## [PROBLEM]
Working from the records below, repeat exactly the lines starting at the line that contains "#35=IFCLOCALPLACEMENT(#14,#2);" and ending at the line that contains "#57=IFCINDEXEDPOLYGONALFACE((9,11,12,14,13,15,16,10));", inclusive.
*** EXERCISE DATA Section Begins ***
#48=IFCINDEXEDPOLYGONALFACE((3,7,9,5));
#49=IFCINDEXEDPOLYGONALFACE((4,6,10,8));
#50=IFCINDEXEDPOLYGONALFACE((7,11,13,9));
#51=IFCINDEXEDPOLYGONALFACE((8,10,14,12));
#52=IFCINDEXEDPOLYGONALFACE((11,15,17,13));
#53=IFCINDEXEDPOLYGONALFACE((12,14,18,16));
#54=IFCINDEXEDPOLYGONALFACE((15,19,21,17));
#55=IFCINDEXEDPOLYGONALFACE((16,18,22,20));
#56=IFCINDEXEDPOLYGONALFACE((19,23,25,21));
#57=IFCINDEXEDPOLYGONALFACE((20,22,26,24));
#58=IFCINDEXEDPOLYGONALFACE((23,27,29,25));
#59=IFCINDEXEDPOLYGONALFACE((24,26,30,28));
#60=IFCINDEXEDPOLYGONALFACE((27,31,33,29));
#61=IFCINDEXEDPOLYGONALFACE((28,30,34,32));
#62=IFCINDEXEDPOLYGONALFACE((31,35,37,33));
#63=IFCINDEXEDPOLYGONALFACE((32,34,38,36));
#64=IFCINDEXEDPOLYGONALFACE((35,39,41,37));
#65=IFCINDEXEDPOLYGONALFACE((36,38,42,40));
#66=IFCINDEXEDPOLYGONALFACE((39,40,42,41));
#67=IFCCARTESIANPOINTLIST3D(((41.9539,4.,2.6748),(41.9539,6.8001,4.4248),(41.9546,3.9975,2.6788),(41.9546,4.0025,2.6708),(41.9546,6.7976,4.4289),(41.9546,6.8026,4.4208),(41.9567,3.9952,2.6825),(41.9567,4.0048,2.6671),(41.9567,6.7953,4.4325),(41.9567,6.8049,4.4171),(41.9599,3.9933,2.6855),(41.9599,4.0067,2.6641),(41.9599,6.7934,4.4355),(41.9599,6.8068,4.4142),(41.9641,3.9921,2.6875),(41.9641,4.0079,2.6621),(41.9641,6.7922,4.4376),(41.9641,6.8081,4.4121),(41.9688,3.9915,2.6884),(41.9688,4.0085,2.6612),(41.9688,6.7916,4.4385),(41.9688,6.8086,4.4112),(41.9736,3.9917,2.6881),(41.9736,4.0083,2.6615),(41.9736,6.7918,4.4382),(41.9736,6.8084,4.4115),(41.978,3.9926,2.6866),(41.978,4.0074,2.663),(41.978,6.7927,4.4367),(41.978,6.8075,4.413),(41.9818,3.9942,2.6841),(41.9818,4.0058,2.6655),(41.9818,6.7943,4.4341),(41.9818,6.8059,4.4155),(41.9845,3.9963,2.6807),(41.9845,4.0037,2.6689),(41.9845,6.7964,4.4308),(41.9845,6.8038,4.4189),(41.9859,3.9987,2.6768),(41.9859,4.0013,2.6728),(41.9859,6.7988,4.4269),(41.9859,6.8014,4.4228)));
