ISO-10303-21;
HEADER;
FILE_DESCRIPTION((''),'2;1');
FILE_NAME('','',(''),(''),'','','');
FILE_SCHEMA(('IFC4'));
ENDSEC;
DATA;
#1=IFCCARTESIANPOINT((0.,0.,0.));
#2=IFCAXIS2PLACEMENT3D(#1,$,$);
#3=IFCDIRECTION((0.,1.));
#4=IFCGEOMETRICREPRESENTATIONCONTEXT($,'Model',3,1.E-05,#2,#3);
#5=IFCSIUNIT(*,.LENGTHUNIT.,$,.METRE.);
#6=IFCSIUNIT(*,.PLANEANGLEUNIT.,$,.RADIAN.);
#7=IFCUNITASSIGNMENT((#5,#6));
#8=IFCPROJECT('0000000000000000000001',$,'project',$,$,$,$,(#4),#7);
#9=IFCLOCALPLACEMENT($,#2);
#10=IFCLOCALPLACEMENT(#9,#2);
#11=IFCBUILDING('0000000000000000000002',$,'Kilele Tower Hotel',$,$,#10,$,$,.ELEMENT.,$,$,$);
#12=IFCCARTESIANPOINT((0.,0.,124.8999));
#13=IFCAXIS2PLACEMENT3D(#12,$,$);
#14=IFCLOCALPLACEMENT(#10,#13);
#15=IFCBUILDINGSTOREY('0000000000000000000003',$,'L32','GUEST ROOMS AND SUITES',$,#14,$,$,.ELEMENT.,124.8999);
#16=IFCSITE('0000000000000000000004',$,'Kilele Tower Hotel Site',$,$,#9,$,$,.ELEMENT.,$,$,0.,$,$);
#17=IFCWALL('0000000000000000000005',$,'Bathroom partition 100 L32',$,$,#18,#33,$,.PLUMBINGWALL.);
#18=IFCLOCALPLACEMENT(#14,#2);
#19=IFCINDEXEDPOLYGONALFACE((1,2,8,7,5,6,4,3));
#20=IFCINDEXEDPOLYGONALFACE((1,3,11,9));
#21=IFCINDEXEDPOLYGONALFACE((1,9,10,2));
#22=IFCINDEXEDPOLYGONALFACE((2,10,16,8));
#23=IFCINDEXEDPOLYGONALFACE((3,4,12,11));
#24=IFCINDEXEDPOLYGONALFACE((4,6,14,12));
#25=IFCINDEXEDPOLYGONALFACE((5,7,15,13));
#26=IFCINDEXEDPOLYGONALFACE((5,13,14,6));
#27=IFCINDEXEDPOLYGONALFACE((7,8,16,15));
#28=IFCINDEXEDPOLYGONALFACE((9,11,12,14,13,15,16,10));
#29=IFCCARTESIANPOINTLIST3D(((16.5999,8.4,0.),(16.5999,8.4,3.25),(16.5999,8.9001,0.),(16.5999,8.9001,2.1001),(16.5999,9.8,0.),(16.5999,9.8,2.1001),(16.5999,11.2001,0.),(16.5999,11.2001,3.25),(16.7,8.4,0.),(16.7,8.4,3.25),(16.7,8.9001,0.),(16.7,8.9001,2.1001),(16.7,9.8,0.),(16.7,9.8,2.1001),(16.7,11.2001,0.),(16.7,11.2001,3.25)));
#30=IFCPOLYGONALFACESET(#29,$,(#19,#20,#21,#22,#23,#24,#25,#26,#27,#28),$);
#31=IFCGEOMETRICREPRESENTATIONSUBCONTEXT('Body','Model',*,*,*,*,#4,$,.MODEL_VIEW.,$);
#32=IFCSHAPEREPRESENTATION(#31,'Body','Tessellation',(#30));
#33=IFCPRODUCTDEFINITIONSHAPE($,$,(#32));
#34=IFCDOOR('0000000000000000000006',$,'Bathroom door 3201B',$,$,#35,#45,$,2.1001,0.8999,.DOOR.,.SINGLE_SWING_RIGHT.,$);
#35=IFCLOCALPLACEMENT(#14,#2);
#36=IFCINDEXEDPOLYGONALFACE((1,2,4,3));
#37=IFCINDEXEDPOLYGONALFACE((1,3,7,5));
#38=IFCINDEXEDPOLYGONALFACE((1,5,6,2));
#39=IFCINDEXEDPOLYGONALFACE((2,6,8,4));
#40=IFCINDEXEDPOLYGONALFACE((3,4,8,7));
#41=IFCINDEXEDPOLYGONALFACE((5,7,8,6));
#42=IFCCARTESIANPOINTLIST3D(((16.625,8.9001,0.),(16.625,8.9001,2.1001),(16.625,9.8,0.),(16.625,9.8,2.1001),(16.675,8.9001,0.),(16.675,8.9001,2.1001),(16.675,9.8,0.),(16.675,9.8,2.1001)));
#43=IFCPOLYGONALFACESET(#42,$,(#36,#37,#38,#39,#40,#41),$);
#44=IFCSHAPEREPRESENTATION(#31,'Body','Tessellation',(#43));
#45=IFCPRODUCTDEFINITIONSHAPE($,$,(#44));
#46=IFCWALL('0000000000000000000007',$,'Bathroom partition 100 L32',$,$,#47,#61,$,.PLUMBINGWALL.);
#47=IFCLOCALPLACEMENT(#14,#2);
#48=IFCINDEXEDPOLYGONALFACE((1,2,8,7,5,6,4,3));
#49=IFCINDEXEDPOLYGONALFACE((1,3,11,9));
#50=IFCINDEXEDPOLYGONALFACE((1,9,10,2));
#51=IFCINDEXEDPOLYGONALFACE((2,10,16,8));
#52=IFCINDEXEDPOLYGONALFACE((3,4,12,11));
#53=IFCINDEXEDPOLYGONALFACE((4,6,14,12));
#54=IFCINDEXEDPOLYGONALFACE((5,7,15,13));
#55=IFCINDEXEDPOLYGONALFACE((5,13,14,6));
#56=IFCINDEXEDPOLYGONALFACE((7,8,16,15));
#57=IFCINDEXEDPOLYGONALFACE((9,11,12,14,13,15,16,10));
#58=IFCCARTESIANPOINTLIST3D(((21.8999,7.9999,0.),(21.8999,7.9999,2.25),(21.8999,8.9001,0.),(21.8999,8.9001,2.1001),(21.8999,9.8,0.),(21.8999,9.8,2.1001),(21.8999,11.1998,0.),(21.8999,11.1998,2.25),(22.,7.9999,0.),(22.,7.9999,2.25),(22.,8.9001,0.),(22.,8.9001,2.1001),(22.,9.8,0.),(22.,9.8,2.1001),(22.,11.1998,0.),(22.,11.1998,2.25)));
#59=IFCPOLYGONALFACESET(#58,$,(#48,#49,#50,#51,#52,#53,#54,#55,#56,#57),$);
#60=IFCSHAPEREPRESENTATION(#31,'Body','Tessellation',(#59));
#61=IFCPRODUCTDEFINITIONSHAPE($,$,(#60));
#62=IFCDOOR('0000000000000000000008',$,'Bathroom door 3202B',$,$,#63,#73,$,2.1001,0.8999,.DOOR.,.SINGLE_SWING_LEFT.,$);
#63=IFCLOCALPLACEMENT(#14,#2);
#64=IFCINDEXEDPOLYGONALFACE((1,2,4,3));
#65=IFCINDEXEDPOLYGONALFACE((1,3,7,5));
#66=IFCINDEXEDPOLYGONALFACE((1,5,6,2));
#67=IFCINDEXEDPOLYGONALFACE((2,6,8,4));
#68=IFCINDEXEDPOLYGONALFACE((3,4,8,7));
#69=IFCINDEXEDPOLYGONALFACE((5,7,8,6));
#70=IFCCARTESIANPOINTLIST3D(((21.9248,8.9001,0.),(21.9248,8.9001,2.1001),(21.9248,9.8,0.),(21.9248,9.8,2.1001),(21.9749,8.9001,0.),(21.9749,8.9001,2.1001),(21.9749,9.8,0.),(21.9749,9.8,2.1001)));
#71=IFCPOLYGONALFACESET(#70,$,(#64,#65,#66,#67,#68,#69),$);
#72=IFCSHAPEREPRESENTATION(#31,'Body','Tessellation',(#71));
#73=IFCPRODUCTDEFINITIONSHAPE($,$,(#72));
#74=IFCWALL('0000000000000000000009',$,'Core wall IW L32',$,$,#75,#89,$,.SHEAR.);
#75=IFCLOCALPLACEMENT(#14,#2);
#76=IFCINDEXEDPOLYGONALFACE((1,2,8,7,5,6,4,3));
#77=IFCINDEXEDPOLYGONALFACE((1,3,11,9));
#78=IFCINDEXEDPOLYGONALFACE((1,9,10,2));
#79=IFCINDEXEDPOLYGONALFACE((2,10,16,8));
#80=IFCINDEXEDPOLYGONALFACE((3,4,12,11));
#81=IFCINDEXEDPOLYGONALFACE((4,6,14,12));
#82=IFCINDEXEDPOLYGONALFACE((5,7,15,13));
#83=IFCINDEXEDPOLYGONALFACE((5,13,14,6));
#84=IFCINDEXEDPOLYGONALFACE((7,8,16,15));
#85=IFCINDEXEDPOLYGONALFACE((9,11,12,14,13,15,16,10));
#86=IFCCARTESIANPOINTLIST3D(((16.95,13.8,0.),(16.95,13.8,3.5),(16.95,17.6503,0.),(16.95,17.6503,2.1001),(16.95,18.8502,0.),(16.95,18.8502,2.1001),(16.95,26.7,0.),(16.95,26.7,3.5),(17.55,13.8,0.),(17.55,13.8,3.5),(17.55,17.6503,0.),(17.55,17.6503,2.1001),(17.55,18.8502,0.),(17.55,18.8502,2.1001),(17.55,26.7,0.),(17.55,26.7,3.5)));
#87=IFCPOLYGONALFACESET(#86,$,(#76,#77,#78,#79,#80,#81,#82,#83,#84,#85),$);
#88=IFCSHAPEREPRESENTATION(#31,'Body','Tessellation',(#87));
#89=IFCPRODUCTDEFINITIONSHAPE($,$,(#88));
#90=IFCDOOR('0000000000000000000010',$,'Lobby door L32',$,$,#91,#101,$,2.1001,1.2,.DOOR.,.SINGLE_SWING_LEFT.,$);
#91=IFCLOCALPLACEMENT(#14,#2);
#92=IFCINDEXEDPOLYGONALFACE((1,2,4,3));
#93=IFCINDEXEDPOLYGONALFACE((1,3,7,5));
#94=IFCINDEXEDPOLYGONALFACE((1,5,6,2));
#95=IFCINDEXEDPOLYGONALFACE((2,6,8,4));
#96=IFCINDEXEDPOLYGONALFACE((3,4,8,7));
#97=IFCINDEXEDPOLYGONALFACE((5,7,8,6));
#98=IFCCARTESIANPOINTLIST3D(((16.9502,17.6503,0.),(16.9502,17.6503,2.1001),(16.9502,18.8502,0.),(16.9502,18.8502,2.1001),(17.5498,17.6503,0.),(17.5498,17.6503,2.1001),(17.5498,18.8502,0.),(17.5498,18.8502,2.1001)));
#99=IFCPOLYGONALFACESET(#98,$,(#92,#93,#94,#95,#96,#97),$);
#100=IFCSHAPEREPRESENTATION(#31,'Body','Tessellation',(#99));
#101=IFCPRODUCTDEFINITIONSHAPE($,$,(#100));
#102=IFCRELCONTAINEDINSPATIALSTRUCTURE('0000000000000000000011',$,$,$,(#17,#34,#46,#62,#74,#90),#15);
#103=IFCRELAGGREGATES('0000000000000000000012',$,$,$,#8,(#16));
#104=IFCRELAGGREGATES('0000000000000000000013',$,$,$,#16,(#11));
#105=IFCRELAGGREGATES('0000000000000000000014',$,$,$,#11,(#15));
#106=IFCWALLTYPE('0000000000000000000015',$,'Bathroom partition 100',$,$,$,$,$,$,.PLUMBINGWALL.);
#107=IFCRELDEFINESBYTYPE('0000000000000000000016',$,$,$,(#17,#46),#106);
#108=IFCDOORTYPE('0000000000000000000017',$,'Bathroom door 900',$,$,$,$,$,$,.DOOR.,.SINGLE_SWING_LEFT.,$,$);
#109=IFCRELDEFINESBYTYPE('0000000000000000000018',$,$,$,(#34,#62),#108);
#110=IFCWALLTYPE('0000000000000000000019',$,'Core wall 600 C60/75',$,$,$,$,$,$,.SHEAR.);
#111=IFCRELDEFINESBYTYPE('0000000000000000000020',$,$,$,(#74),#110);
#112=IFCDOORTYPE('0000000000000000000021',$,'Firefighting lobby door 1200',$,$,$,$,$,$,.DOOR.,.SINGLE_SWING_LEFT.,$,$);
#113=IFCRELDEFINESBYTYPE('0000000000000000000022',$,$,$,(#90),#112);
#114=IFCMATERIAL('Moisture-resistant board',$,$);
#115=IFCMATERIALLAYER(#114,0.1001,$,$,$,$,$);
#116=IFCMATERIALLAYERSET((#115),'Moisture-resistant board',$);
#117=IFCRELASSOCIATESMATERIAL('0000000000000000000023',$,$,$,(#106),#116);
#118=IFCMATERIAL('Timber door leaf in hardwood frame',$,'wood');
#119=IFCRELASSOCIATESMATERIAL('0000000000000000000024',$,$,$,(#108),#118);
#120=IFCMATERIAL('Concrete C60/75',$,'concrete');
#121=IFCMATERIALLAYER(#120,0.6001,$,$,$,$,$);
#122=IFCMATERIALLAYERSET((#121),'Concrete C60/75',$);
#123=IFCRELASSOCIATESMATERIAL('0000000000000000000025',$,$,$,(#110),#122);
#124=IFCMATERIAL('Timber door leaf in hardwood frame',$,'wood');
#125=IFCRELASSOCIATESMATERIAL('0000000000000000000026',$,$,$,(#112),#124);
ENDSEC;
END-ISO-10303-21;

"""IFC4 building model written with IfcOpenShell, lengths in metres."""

from ifc_helpers import new_model, si_unit, direction, frame, frame_2d, origin, place, context, subcontext, project, spatial, rectangle, extrude, material, layer, layer_set, type_object, element, fill, save


model = new_model("IFC4")

# Units and contexts
model_context = context("Model", 3, precision=1e-05, world=origin(), true_north=direction((0.0, 1.0)))
body_context = subcontext(model_context, "Body", "Model", "MODEL_VIEW")
ifc_project = project(units=[si_unit("LENGTHUNIT", "METRE"), si_unit("PLANEANGLEUNIT", "RADIAN")], contexts=[model_context])

# Site, building, storey
site_placement = place(None, origin())
site = spatial("IfcSite", under=ifc_project, at=site_placement, Name="Kilele Tower Hotel Site", CompositionType="ELEMENT", RefElevation=0.0)
building_placement = place(site_placement, origin())
building = spatial("IfcBuilding", under=site, at=building_placement, Name="Kilele Tower Hotel", CompositionType="ELEMENT")
storey_placement = place(building_placement, frame((0.0, 0.0, 124.8999)))
storey = spatial("IfcBuildingStorey", under=building, at=storey_placement, Name="L32", Description="GUEST ROOMS AND SUITES", CompositionType="ELEMENT", Elevation=124.8999)

# Walls, openings, doors
ifc_material_1 = material(Name="Moisture-resistant board")
ifc_layer_1 = layer(ifc_material_1, 0.1001)
ifc_layer_set_1 = layer_set([ifc_layer_1], Name="Moisture-resistant board")
wall_type_1 = type_object("IfcWallType", Name="Bathroom partition 100", PredefinedType="PLUMBINGWALL", material=ifc_layer_set_1)
wall_1_placement = place(storey_placement, frame((16.6499, 11.2, 0.0), z_axis=(0.0, 0.0, 1.0), x_axis=(0.0, -1.0, 0.0)))
wall_1 = element("IfcWall", 1, at=wall_1_placement, inside=storey, type_object=wall_type_1, Name="Bathroom partition 100 L32", PredefinedType="PLUMBINGWALL", context=body_context, shape_type="SweptSolid", body=[
    extrude(rectangle(XDim=2.8, YDim=0.1001, at=frame_2d((1.3999, 0.0))), origin(), (0.0, 0.0, 1.0), 3.25),
])
opening_1_placement = place(wall_1_placement, frame((2.2998, 0.0, 0.0), z_axis=(0.0, 0.0, 1.0), x_axis=(-1.0, 0.0, 0.0)))
opening_1 = element("IfcOpeningElement", 2, at=opening_1_placement, cuts=wall_1, PredefinedType="OPENING", context=body_context, shape_type="SweptSolid", body=[
    extrude(rectangle(XDim=0.8999, YDim=2.1001, at=frame_2d((0.45, 1.05))), frame((0.0, 0.0601, 0.0), z_axis=(0.0, -1.0, 0.0), x_axis=(1.0, 0.0, 0.0)), (0.0, 0.0, 1.0), 0.1201),
])
ifc_material_2 = material(Name="Timber door leaf in hardwood frame", Category="wood")
door_type_1 = type_object("IfcDoorType", Name="Bathroom door 900", OperationType="SINGLE_SWING_LEFT", PredefinedType="DOOR", material=ifc_material_2)
door_1_placement = place(opening_1_placement, origin())
door_1 = element("IfcDoor", 3, at=door_1_placement, inside=storey, type_object=door_type_1, Name="Bathroom door 3201B", OperationType="SINGLE_SWING_RIGHT", OverallHeight=2.1001, OverallWidth=0.8999, PredefinedType="DOOR", context=body_context, shape_type="SweptSolid", body=[
    extrude(rectangle(XDim=0.8999, YDim=2.1001, at=frame_2d((0.45, 1.05))), frame((0.0, 0.0249, 0.0), z_axis=(0.0, -1.0, 0.0), x_axis=(1.0, 0.0, 0.0)), (0.0, 0.0, 1.0), 0.05),
])
fill(opening_1, door_1)
wall_2_placement = place(storey_placement, frame((21.95, 11.2, 0.0), z_axis=(0.0, 0.0, 1.0), x_axis=(0.0, -1.0, 0.0)))
wall_2 = element("IfcWall", 4, at=wall_2_placement, inside=storey, type_object=wall_type_1, Name="Bathroom partition 100 L32", PredefinedType="PLUMBINGWALL", context=body_context, shape_type="SweptSolid", body=[
    extrude(rectangle(XDim=3.2, YDim=0.1001, at=frame_2d((1.6001, 0.0))), origin(), (0.0, 0.0, 1.0), 2.25),
])
opening_2_placement = place(wall_2_placement, frame((1.3999, 0.0, 0.0)))
opening_2 = element("IfcOpeningElement", 5, at=opening_2_placement, cuts=wall_2, PredefinedType="OPENING", context=body_context, shape_type="SweptSolid", body=[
*** EXERCISE DATA Section Ends ***
## [YOUR RESPONSE]
#35=IFCLOCALPLACEMENT(#14,#2);
#36=IFCINDEXEDPOLYGONALFACE((1,2,4,3));
#37=IFCINDEXEDPOLYGONALFACE((1,3,7,5));
#38=IFCINDEXEDPOLYGONALFACE((1,5,6,2));
#39=IFCINDEXEDPOLYGONALFACE((2,6,8,4));
#40=IFCINDEXEDPOLYGONALFACE((3,4,8,7));
#41=IFCINDEXEDPOLYGONALFACE((5,7,8,6));
#42=IFCCARTESIANPOINTLIST3D(((16.625,8.9001,0.),(16.625,8.9001,2.1001),(16.625,9.8,0.),(16.625,9.8,2.1001),(16.675,8.9001,0.),(16.675,8.9001,2.1001),(16.675,9.8,0.),(16.675,9.8,2.1001)));
#43=IFCPOLYGONALFACESET(#42,$,(#36,#37,#38,#39,#40,#41),$);
#44=IFCSHAPEREPRESENTATION(#31,'Body','Tessellation',(#43));
#45=IFCPRODUCTDEFINITIONSHAPE($,$,(#44));
#46=IFCWALL('0000000000000000000007',$,'Bathroom partition 100 L32',$,$,#47,#61,$,.PLUMBINGWALL.);
#47=IFCLOCALPLACEMENT(#14,#2);
#48=IFCINDEXEDPOLYGONALFACE((1,2,8,7,5,6,4,3));
#49=IFCINDEXEDPOLYGONALFACE((1,3,11,9));
#50=IFCINDEXEDPOLYGONALFACE((1,9,10,2));
#51=IFCINDEXEDPOLYGONALFACE((2,10,16,8));
#52=IFCINDEXEDPOLYGONALFACE((3,4,12,11));
#53=IFCINDEXEDPOLYGONALFACE((4,6,14,12));
#54=IFCINDEXEDPOLYGONALFACE((5,7,15,13));
#55=IFCINDEXEDPOLYGONALFACE((5,13,14,6));
#56=IFCINDEXEDPOLYGONALFACE((7,8,16,15));
#57=IFCINDEXEDPOLYGONALFACE((9,11,12,14,13,15,16,10));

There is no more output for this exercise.